### Task directions
Return all lines of the records that contain the word "solar".

[Collected data entries]
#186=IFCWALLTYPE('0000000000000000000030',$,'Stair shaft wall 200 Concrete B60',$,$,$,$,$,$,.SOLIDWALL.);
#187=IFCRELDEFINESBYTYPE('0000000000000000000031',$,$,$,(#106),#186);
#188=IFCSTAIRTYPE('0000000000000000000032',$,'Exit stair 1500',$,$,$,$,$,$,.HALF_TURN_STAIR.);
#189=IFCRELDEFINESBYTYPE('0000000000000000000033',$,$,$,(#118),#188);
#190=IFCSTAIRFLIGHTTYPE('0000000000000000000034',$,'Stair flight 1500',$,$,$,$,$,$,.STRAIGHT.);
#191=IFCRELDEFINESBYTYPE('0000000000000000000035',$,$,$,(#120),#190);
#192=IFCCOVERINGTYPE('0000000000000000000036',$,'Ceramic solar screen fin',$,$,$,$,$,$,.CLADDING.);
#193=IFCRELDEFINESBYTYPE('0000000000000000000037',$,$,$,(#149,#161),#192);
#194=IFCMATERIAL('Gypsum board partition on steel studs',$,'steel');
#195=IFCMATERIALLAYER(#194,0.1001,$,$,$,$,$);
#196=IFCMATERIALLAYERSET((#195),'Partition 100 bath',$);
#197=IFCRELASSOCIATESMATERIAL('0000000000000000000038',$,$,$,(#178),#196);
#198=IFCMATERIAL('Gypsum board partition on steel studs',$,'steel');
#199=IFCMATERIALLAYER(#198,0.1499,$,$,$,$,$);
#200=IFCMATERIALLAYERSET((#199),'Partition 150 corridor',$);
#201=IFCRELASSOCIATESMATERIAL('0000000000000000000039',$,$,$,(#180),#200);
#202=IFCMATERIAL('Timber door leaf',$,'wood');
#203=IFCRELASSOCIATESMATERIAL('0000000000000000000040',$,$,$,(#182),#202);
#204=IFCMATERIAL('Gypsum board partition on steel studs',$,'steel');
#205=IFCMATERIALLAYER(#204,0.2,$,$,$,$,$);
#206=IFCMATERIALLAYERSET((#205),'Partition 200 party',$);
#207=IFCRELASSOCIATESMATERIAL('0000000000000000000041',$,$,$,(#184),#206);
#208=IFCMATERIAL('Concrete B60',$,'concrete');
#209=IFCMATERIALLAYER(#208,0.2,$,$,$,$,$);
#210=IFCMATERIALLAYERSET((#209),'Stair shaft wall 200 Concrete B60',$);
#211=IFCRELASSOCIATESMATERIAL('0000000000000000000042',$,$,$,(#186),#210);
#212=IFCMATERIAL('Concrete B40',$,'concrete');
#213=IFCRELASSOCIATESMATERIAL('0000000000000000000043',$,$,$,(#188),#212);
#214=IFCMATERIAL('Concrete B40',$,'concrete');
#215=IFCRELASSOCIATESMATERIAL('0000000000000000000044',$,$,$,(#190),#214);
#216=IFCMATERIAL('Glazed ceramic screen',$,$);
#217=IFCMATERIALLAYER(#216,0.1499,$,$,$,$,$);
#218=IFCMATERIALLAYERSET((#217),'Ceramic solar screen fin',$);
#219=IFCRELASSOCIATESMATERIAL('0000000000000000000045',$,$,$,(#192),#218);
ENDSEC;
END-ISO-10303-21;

### Task response
#192=IFCCOVERINGTYPE('0000000000000000000036',$,'Ceramic solar screen fin',$,$,$,$,$,$,.CLADDING.);
#218=IFCMATERIALLAYERSET((#217),'Ceramic solar screen fin',$);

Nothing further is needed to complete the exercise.